[TASK DETAILS]: Please copy every line from the records below that contains the string "IFCRELAGGREGATES".

[MATERIAL SUPPLIED]:
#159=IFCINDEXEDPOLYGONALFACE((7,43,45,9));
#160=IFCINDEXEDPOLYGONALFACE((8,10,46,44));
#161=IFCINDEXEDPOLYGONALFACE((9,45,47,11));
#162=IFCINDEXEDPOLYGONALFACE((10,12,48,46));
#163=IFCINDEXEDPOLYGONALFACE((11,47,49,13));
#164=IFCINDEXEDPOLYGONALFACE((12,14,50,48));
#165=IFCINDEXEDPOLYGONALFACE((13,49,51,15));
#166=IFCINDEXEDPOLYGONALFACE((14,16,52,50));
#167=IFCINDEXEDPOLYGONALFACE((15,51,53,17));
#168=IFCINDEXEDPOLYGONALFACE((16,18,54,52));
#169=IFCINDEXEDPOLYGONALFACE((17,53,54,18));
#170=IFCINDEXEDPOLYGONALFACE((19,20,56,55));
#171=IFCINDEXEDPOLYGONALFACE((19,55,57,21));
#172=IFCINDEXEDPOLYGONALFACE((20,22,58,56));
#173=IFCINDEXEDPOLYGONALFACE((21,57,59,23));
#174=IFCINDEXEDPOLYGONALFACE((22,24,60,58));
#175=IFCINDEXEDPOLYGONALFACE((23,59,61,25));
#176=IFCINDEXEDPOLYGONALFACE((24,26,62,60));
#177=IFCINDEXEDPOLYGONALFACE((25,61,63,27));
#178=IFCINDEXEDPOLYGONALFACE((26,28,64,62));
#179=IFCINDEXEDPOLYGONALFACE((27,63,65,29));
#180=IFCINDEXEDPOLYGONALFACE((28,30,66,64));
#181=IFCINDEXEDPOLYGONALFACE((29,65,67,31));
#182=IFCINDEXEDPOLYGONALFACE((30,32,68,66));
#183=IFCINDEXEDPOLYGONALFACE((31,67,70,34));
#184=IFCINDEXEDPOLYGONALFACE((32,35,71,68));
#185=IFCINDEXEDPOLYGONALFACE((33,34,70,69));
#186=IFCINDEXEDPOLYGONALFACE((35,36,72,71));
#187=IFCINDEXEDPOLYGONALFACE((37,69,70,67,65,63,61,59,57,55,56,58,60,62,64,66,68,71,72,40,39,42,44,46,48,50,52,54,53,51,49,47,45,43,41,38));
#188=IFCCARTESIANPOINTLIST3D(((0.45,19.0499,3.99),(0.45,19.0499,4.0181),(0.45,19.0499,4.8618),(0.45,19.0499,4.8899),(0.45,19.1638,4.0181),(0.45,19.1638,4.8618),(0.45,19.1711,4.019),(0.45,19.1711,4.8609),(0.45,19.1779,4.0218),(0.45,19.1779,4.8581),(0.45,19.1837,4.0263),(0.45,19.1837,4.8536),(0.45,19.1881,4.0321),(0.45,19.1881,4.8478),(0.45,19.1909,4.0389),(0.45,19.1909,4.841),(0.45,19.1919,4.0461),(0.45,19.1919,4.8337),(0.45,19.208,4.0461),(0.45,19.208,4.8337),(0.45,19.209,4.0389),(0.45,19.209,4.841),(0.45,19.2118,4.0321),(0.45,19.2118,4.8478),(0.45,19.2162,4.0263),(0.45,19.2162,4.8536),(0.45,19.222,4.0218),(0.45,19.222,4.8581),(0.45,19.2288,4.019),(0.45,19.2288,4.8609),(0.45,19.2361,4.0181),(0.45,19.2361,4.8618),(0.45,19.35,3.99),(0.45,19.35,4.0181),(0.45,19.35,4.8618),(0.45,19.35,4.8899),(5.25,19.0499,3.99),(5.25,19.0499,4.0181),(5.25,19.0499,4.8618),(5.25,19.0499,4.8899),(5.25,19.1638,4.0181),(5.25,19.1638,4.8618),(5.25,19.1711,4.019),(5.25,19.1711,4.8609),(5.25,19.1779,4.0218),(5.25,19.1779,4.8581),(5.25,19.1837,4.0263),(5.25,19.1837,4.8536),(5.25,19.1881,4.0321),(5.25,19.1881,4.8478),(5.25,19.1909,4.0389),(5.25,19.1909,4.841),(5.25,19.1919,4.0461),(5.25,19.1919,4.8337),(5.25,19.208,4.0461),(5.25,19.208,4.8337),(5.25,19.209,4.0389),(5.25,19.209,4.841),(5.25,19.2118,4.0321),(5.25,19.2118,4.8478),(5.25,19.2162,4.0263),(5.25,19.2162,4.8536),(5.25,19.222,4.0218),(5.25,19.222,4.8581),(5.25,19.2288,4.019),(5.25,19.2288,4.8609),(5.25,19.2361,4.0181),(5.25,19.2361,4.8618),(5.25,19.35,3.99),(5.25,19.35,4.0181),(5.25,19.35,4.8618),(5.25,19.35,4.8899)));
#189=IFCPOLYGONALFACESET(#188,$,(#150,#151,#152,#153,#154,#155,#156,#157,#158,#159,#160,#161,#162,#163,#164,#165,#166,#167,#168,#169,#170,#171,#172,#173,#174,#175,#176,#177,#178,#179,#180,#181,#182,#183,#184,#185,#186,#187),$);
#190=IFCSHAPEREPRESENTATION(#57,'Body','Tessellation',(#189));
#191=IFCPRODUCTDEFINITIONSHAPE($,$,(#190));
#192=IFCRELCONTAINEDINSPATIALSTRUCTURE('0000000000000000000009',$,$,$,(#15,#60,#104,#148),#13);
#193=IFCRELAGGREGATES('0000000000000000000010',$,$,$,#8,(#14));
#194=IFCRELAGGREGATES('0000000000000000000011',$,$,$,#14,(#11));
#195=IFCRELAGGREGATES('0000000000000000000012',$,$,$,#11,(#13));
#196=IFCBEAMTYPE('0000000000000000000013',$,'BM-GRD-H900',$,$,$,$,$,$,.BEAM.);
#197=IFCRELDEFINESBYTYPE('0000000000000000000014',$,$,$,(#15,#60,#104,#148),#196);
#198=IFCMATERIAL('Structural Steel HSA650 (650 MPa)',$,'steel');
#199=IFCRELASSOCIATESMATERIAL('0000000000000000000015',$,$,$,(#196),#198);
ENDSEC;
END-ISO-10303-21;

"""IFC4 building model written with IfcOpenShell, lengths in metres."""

[YOUR RESPONSE]:
#193=IFCRELAGGREGATES('0000000000000000000010',$,$,$,#8,(#14));
#194=IFCRELAGGREGATES('0000000000000000000011',$,$,$,#14,(#11));
#195=IFCRELAGGREGATES('0000000000000000000012',$,$,$,#11,(#13));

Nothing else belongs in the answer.